▶ [TASK DIRECTIONS]
Could you filter the records below and return each line that holds "cuts"?

▶ [EXERCISE INPUTS]
++++++
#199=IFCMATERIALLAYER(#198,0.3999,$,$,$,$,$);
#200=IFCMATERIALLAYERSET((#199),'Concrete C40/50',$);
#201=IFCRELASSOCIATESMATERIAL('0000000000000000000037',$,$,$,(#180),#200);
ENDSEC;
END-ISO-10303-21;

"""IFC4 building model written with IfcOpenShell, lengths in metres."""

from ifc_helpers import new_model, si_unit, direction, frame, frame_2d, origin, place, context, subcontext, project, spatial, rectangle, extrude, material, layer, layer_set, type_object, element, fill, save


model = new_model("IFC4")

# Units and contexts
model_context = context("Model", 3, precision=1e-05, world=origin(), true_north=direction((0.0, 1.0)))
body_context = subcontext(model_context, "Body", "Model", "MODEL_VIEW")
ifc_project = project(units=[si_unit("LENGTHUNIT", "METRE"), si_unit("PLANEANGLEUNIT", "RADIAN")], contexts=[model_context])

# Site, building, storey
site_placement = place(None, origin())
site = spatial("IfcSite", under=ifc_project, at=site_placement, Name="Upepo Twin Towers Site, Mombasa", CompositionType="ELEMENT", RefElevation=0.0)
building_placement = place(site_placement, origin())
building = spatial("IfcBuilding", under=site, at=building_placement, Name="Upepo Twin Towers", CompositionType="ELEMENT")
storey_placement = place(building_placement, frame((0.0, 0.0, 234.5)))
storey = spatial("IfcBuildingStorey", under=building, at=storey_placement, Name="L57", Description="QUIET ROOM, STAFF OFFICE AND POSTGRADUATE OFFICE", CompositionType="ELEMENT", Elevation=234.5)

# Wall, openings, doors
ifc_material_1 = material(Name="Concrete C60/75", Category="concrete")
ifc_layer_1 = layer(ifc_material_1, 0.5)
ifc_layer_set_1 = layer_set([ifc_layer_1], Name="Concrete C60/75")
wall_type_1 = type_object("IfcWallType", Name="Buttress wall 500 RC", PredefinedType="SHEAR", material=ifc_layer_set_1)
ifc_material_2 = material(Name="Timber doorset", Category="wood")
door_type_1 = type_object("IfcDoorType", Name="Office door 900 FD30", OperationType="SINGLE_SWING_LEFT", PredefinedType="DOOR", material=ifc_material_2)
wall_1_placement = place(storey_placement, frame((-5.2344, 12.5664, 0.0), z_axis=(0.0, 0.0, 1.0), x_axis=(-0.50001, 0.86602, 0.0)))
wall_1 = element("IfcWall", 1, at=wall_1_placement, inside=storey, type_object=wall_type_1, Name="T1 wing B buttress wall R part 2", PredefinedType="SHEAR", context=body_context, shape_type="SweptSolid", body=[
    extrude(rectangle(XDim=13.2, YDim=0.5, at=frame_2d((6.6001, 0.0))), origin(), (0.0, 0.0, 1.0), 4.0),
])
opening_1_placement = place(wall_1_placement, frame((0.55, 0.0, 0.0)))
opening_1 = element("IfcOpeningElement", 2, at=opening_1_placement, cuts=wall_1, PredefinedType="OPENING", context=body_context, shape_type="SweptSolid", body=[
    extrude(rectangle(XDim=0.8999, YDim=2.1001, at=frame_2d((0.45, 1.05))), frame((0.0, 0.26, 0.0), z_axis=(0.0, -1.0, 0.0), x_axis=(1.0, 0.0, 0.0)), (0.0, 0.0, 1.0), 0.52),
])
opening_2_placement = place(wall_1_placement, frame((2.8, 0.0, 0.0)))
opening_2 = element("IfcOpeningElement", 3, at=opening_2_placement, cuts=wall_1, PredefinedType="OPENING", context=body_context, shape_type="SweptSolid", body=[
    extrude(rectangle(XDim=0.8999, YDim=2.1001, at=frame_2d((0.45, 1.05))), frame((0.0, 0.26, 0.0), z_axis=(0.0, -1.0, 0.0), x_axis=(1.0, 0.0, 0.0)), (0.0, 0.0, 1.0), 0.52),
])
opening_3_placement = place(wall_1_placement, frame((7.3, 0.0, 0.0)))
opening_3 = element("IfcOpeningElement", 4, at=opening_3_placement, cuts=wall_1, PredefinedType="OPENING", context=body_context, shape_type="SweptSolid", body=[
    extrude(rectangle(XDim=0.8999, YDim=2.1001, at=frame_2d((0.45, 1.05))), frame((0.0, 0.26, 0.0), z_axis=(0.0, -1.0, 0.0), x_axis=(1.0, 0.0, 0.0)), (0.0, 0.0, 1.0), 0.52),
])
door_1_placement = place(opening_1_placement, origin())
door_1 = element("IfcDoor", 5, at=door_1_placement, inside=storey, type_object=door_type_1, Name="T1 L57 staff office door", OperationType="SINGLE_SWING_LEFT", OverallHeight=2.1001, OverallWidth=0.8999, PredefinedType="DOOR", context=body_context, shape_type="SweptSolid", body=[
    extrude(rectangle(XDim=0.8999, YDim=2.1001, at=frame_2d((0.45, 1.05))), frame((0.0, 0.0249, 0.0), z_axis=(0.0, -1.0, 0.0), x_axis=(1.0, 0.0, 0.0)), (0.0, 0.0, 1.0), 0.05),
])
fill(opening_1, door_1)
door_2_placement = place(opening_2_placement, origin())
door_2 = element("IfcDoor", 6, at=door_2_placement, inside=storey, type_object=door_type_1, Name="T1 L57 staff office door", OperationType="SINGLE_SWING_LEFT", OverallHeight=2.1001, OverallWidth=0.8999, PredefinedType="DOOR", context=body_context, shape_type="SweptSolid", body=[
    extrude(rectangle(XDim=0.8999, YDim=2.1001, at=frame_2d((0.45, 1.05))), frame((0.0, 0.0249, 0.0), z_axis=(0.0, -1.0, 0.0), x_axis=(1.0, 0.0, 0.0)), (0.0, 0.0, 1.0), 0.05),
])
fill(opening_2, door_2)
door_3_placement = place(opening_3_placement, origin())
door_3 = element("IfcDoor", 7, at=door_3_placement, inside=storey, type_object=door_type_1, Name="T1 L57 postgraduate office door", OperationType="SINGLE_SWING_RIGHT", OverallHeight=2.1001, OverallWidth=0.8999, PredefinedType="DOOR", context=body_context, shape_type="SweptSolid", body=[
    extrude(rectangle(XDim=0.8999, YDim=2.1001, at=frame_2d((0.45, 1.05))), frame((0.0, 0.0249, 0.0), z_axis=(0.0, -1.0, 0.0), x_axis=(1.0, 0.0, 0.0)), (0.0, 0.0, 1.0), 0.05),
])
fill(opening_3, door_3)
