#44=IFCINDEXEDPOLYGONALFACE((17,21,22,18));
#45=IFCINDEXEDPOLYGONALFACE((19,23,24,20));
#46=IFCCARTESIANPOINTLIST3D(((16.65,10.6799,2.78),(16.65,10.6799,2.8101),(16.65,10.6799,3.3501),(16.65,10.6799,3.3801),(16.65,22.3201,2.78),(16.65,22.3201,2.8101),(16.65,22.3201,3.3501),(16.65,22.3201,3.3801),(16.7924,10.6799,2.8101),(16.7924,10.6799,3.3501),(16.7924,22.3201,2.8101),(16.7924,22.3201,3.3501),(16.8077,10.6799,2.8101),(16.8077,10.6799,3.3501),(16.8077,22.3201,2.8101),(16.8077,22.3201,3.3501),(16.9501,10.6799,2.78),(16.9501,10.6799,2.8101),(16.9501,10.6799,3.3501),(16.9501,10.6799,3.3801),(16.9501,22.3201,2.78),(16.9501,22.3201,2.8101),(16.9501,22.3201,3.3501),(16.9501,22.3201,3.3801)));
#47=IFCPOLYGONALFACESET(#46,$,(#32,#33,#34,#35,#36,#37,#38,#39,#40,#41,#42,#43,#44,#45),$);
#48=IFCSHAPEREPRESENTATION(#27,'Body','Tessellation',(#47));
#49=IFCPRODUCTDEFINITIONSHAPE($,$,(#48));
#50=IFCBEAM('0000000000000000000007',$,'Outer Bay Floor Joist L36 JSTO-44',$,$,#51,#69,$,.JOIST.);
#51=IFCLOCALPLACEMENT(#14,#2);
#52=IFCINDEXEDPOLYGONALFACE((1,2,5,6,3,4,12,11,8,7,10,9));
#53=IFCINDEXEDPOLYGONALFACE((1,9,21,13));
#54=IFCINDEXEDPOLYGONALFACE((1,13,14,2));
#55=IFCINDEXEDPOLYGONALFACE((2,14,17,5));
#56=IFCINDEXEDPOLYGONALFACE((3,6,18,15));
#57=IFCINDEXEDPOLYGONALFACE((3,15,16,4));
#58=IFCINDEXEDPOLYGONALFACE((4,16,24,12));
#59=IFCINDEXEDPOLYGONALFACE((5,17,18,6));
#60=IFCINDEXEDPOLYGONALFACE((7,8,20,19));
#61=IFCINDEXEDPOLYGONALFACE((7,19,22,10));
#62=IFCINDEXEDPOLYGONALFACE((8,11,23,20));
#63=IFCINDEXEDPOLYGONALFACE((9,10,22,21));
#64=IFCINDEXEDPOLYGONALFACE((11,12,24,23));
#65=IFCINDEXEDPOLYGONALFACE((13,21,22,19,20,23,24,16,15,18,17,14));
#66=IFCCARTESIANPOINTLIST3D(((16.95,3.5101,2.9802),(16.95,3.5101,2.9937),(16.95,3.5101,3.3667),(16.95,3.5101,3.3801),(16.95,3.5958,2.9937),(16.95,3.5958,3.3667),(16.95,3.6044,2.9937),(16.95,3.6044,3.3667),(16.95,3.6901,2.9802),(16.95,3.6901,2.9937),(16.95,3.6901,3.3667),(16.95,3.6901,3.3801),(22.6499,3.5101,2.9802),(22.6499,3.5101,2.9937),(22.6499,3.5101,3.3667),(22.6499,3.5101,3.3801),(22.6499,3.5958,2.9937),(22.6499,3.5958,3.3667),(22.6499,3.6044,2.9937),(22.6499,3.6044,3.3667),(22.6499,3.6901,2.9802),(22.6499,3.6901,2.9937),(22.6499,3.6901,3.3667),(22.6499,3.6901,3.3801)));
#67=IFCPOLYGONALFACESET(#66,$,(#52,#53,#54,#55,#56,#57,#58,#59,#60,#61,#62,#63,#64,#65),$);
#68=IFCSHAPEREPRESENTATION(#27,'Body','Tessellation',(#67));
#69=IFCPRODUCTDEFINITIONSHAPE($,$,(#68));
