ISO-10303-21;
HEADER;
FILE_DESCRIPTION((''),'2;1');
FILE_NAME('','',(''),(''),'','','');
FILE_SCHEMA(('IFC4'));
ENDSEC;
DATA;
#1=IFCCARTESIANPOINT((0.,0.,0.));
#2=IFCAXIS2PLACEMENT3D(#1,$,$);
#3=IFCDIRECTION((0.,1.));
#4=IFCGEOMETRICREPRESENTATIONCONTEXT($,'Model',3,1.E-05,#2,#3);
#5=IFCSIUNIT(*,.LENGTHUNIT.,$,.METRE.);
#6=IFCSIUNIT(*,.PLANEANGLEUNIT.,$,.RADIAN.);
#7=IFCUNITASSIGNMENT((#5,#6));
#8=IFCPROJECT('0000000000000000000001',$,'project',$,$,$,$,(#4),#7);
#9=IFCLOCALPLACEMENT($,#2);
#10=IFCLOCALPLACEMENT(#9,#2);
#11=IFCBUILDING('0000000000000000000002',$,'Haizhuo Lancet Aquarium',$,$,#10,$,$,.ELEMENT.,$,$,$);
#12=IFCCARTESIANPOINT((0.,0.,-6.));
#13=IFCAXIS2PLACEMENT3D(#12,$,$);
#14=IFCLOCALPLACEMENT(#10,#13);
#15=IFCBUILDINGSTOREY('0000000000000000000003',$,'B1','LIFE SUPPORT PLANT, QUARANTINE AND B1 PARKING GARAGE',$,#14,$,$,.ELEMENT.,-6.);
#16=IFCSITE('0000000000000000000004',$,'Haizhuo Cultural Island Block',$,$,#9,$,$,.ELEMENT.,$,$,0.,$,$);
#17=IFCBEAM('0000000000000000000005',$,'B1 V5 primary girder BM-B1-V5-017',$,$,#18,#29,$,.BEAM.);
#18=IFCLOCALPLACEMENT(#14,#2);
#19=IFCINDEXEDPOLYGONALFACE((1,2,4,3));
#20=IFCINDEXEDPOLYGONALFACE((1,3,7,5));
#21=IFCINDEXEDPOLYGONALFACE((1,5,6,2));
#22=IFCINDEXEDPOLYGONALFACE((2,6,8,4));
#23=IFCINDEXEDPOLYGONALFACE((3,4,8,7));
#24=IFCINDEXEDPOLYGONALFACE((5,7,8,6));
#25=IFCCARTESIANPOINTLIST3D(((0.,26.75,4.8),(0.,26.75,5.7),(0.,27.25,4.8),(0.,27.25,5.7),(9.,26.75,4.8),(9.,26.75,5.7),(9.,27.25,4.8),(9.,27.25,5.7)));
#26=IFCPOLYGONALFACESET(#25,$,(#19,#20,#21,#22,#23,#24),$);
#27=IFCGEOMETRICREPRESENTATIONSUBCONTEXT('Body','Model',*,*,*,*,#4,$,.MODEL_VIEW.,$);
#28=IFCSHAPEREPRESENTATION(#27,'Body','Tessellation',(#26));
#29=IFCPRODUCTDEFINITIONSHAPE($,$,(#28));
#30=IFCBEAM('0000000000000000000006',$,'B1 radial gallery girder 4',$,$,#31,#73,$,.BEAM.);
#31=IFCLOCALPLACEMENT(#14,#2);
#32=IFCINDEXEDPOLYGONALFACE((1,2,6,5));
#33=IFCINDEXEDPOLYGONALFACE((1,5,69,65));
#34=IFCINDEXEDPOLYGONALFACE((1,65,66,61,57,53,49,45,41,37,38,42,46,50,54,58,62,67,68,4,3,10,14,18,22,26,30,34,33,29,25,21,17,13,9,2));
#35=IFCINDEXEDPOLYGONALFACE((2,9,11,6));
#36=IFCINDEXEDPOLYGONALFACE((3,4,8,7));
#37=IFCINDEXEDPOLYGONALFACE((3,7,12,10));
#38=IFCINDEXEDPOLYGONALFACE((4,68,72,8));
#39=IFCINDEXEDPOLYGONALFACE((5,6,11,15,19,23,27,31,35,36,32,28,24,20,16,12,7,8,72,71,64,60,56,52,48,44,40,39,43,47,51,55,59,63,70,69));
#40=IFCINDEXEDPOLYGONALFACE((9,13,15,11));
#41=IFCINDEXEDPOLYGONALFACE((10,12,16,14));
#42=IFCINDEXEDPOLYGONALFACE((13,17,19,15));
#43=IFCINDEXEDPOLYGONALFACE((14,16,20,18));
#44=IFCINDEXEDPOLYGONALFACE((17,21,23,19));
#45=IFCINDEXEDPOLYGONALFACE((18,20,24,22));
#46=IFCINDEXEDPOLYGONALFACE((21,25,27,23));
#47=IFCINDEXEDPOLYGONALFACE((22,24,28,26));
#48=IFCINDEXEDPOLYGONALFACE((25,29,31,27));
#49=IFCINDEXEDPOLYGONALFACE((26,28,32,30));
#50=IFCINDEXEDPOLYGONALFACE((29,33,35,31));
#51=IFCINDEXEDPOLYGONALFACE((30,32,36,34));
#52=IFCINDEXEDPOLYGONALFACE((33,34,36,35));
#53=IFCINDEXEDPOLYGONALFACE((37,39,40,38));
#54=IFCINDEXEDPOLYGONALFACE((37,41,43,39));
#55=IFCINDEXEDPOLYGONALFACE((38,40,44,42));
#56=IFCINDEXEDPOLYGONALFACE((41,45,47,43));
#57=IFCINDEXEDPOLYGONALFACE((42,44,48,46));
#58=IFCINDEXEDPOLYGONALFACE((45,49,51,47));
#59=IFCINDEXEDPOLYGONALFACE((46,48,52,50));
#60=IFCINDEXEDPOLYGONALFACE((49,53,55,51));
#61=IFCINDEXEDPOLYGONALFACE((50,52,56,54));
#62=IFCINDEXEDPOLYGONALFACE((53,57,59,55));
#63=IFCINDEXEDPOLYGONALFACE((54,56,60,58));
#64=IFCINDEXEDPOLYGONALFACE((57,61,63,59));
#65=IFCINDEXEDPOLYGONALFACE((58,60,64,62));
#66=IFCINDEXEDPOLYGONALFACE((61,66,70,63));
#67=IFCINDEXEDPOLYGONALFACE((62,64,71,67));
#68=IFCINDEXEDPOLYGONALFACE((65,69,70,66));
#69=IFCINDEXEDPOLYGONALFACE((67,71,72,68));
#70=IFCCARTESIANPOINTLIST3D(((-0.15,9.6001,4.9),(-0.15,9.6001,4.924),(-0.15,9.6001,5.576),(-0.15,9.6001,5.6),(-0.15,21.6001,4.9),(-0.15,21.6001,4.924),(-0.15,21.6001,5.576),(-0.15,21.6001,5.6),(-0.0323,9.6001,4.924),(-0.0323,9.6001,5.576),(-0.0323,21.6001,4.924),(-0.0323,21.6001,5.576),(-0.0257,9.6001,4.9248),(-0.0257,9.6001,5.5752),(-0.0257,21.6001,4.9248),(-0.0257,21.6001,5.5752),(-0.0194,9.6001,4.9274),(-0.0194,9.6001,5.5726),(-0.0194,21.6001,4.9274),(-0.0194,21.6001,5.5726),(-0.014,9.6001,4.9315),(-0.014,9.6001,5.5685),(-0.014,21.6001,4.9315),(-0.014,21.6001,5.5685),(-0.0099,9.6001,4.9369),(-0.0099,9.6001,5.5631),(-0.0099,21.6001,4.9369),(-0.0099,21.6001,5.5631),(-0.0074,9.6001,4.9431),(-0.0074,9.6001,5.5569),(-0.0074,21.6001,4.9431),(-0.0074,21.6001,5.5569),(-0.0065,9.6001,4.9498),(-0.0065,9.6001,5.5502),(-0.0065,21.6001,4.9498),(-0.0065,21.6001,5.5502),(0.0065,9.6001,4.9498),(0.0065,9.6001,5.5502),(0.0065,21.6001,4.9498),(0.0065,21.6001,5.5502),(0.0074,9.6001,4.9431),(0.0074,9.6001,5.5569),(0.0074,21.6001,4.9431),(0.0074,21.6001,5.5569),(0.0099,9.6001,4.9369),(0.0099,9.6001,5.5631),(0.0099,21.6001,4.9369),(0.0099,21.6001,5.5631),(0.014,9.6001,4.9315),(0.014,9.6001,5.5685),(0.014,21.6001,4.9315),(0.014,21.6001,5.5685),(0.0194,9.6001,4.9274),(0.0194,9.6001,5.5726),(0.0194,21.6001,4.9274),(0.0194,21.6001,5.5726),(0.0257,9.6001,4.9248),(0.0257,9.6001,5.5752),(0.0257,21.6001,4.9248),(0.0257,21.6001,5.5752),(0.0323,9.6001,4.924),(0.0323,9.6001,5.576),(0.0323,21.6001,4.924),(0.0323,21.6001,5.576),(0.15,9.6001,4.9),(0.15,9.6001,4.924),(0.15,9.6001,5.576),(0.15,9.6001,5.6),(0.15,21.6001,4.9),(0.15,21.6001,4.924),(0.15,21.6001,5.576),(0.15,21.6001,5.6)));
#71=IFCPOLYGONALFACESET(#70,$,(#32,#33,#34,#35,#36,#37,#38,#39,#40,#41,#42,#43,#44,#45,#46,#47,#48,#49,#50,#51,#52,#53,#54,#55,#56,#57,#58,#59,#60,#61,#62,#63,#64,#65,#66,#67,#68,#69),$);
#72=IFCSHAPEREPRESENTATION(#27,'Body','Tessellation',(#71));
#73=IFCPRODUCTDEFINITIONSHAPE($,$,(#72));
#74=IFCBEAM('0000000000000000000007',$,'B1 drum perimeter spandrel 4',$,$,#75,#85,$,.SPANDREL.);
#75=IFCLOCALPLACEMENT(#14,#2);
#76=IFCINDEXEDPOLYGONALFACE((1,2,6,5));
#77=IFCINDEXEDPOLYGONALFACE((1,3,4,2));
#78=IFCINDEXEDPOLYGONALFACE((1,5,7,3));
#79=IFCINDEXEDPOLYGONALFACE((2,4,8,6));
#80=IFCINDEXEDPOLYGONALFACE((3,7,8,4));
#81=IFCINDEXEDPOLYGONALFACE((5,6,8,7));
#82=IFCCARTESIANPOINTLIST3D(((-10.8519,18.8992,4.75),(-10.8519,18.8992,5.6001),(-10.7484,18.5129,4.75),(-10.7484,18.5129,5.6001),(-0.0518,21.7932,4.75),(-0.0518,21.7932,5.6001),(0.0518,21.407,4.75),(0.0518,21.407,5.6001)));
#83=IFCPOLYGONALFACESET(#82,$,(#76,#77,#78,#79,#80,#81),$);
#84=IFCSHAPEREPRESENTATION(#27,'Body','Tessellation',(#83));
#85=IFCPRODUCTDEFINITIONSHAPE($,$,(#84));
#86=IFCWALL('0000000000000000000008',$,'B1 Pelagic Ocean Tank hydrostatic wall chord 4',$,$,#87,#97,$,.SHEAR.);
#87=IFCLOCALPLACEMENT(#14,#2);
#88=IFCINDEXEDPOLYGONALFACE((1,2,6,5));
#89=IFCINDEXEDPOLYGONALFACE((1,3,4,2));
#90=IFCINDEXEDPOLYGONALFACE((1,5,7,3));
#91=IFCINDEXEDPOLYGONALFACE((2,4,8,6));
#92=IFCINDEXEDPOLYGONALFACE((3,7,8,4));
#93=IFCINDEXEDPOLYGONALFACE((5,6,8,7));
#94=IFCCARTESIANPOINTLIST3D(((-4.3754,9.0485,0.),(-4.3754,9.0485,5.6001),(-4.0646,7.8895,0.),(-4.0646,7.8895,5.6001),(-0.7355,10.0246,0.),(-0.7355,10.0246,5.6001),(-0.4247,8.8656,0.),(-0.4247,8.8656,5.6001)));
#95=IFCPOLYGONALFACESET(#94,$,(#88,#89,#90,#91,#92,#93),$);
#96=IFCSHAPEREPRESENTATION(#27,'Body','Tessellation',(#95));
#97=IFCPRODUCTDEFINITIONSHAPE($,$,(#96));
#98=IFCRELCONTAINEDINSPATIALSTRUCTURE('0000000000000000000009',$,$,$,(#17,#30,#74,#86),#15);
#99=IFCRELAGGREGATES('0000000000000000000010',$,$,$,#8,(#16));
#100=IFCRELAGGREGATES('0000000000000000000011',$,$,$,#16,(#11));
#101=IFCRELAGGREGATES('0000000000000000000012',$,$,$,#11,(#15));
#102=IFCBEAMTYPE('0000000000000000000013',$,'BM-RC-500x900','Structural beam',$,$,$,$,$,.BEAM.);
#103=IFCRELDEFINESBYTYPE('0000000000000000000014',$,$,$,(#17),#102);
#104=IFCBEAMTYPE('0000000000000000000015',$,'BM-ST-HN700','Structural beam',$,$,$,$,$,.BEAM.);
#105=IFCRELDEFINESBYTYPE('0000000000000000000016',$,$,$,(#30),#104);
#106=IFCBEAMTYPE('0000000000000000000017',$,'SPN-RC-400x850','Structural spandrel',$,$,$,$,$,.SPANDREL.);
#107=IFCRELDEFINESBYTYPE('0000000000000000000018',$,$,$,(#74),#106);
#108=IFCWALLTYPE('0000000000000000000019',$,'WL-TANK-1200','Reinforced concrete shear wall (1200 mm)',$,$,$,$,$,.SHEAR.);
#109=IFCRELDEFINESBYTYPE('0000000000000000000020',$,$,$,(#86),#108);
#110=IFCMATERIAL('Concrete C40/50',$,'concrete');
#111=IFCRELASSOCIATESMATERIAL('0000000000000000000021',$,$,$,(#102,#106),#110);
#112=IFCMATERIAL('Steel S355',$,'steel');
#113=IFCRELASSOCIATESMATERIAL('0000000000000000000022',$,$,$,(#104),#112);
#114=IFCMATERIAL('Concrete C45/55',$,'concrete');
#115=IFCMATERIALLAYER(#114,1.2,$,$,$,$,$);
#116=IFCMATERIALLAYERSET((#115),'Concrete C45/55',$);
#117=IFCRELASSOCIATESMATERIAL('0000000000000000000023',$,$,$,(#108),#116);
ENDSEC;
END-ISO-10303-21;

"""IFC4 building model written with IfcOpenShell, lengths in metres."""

from ifc_helpers import new_model, si_unit, direction, frame, frame_2d, origin, origin_2d, place, context, subcontext, project, spatial, rectangle, i_section, extrude, material, layer, layer_set, material_profile, profile_set, type_object, element, save


model = new_model("IFC4")

# Units and contexts
model_context = context("Model", 3, precision=1e-05, world=origin(), true_north=direction((0.0, 1.0)))
body_context = subcontext(model_context, "Body", "Model", "MODEL_VIEW")
ifc_project = project(units=[si_unit("LENGTHUNIT", "METRE"), si_unit("PLANEANGLEUNIT", "RADIAN")], contexts=[model_context])

# Site, building, storey
site_placement = place(None, origin())
site = spatial("IfcSite", under=ifc_project, at=site_placement, Name="Haizhuo Cultural Island Block", CompositionType="ELEMENT", RefElevation=0.0)
building_placement = place(site_placement, origin())
building = spatial("IfcBuilding", under=site, at=building_placement, Name="Haizhuo Lancet Aquarium", CompositionType="ELEMENT")
storey_placement = place(building_placement, frame((0.0, 0.0, -6.0)))
storey = spatial("IfcBuildingStorey", under=building, at=storey_placement, Name="B1", Description="LIFE SUPPORT PLANT, QUARANTINE AND B1 PARKING GARAGE", CompositionType="ELEMENT", Elevation=-6.0)

# Shared definitions
ifc_material_1 = material(Name="Concrete C40/50", Category="concrete")

# Beams
ifc_material_profile_1 = material_profile(ifc_material_1, rectangle(XDim=0.5, YDim=0.8999, at=origin_2d()), Name="RC-BM 500x900")
ifc_profile_set_1 = profile_set([ifc_material_profile_1], Name="Concrete C40/50")
beam_type_1 = type_object("IfcBeamType", Name="BM-RC-500x900", Description="Structural beam", PredefinedType="BEAM", material=ifc_profile_set_1)
for number, where, z_axis, x_axis, name in (
    (1, (0.0, 27.0, 5.25), (1.0, 0.0, 0.0), (0.0, 1.0, 0.0), "B1 V5 primary girder BM-B1-V5-017"),
):
    element("IfcBeam", number, at=place(storey_placement, frame(where, z_axis=z_axis, x_axis=x_axis)), inside=storey, type_object=beam_type_1, Name=name, PredefinedType="BEAM", context=body_context, shape_type="SweptSolid", body=[
        extrude(rectangle(XDim=0.5, YDim=0.8999, at=origin_2d()), origin(), (0.0, 0.0, 1.0), 9.0),
    ])
ifc_material_2 = material(Name="Steel S355", Category="steel")
ifc_material_profile_2 = material_profile(ifc_material_2, i_section(OverallWidth=0.3, OverallDepth=0.7, WebThickness=0.0129, FlangeThickness=0.0239, FilletRadius=0.0259, at=origin_2d()), Name="HN 700x300x13x24")
ifc_profile_set_2 = profile_set([ifc_material_profile_2], Name="Steel S355")
beam_type_2 = type_object("IfcBeamType", Name="BM-ST-HN700", Description="Structural beam", PredefinedType="BEAM", material=ifc_profile_set_2)
beam_1_placement = place(storey_placement, frame((0.0, 9.6001, 5.25), z_axis=(0.0, 1.0, 0.0), x_axis=(-1.0, 0.0, 0.0)))
element("IfcBeam", 2, at=beam_1_placement, inside=storey, type_object=beam_type_2, Name="B1 radial gallery girder 4", PredefinedType="BEAM", context=body_context, shape_type="SweptSolid", body=[
    extrude(i_section(OverallWidth=0.3, OverallDepth=0.7, WebThickness=0.0129, FlangeThickness=0.0239, FilletRadius=0.0259, at=origin_2d()), origin(), (0.0, 0.0, 1.0), 12.0),
])
ifc_material_profile_3 = material_profile(ifc_material_1, rectangle(XDim=0.3999, YDim=0.8501, at=origin_2d()), Name="RC-SP 400x850")
ifc_profile_set_3 = profile_set([ifc_material_profile_3], Name="Concrete C40/50")
beam_type_3 = type_object("IfcBeamType", Name="SPN-RC-400x850", Description="Structural spandrel", PredefinedType="SPANDREL", material=ifc_profile_set_3)
beam_2_placement = place(storey_placement, frame((0.0, 21.6001, 5.175), z_axis=(-0.965922, -0.258834, 0.0), x_axis=(0.258834, -0.965922, 0.0)))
++++++
▶ [EXERCISE OUTPUT]
opening_1 = element("IfcOpeningElement", 2, at=opening_1_placement, cuts=wall_1, PredefinedType="OPENING", context=body_context, shape_type="SweptSolid", body=[
opening_2 = element("IfcOpeningElement", 3, at=opening_2_placement, cuts=wall_1, PredefinedType="OPENING", context=body_context, shape_type="SweptSolid", body=[
opening_3 = element("IfcOpeningElement", 4, at=opening_3_placement, cuts=wall_1, PredefinedType="OPENING", context=body_context, shape_type="SweptSolid", body=[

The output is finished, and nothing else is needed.